• INSTRUCTIONS FOR THE TASK:
Produce an exact copy of the lines below, starting at the first and ending with the line containing "#141=IFCINDEXEDPOLYGONALFACE((39,40,42,41));".

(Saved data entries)
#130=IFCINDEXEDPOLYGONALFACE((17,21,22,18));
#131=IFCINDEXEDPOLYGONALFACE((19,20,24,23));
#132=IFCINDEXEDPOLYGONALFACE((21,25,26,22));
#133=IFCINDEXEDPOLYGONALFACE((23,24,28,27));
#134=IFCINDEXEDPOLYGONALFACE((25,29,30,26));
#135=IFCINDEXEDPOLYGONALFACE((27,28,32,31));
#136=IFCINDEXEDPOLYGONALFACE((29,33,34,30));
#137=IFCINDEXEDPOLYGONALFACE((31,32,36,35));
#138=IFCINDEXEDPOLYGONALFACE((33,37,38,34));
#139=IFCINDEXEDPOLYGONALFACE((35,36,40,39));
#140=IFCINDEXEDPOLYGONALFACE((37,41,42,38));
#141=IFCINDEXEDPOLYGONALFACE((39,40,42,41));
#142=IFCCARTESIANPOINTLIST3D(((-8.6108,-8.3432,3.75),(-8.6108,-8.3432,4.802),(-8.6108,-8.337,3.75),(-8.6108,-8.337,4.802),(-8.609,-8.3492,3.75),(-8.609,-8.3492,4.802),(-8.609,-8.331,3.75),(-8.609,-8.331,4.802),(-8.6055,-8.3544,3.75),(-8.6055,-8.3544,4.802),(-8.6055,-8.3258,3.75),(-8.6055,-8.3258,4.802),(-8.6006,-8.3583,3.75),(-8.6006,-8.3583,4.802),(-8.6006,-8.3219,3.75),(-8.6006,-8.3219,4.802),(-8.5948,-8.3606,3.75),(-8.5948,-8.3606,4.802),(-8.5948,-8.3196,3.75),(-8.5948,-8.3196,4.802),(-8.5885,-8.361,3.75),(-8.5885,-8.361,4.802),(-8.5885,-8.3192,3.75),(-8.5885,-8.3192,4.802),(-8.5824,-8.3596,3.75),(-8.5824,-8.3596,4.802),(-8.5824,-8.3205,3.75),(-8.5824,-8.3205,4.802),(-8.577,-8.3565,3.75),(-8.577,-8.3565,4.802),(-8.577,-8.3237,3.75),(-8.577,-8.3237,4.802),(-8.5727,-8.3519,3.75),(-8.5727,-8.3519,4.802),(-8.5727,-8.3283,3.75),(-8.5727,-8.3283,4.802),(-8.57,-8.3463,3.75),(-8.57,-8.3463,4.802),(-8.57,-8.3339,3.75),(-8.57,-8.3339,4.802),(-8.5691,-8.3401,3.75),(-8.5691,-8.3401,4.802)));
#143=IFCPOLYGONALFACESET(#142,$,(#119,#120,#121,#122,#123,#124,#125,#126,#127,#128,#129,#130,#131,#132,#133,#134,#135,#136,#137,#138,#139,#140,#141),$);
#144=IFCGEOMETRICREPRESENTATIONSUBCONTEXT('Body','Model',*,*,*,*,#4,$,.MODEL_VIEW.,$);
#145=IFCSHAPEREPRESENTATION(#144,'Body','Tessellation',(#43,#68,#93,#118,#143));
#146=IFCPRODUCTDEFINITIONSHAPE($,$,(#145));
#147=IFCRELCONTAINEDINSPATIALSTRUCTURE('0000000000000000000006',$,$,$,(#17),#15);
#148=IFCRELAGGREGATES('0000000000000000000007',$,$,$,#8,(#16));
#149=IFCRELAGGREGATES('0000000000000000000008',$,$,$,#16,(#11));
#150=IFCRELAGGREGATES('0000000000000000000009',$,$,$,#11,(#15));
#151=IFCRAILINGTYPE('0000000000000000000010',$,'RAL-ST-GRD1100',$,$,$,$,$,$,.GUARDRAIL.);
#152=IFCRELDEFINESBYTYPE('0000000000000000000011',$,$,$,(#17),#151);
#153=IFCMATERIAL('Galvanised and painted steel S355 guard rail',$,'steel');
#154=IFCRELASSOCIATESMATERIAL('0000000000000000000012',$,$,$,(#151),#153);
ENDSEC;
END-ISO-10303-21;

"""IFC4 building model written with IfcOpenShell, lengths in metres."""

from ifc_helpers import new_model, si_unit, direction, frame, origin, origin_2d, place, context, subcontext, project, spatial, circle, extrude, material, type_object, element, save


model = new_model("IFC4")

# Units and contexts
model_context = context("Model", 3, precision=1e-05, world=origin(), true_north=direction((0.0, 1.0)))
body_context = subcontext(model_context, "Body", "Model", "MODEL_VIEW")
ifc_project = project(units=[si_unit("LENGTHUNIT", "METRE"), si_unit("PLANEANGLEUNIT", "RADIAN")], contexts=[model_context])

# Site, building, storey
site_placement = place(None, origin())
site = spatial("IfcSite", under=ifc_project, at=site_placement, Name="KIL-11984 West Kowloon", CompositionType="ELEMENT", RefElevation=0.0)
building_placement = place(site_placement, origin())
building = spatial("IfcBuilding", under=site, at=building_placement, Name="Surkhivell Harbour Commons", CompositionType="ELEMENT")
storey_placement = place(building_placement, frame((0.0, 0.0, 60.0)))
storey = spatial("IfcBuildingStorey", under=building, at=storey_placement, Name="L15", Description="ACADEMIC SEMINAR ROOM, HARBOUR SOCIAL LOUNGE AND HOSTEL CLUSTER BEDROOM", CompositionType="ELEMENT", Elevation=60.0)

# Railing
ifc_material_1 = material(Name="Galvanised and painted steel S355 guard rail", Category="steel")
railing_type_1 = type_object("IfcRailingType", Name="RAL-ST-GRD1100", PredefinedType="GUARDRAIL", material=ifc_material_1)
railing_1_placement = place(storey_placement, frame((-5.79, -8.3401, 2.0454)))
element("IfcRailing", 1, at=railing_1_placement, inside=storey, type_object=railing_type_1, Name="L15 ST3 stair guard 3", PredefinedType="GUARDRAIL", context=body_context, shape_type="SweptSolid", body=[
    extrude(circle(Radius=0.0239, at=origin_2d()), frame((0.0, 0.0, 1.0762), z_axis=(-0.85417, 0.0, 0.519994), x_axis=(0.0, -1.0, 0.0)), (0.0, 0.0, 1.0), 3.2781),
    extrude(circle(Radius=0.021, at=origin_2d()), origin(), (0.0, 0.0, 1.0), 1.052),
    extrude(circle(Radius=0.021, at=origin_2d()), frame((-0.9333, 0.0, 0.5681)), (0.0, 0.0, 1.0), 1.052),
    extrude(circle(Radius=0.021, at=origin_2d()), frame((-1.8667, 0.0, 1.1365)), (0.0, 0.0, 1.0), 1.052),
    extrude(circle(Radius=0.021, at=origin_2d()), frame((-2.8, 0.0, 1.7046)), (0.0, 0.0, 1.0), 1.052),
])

• TASK RESULT:
#130=IFCINDEXEDPOLYGONALFACE((17,21,22,18));
#131=IFCINDEXEDPOLYGONALFACE((19,20,24,23));
#132=IFCINDEXEDPOLYGONALFACE((21,25,26,22));
#133=IFCINDEXEDPOLYGONALFACE((23,24,28,27));
#134=IFCINDEXEDPOLYGONALFACE((25,29,30,26));
#135=IFCINDEXEDPOLYGONALFACE((27,28,32,31));
#136=IFCINDEXEDPOLYGONALFACE((29,33,34,30));
#137=IFCINDEXEDPOLYGONALFACE((31,32,36,35));
#138=IFCINDEXEDPOLYGONALFACE((33,37,38,34));
#139=IFCINDEXEDPOLYGONALFACE((35,36,40,39));
#140=IFCINDEXEDPOLYGONALFACE((37,41,42,38));
#141=IFCINDEXEDPOLYGONALFACE((39,40,42,41));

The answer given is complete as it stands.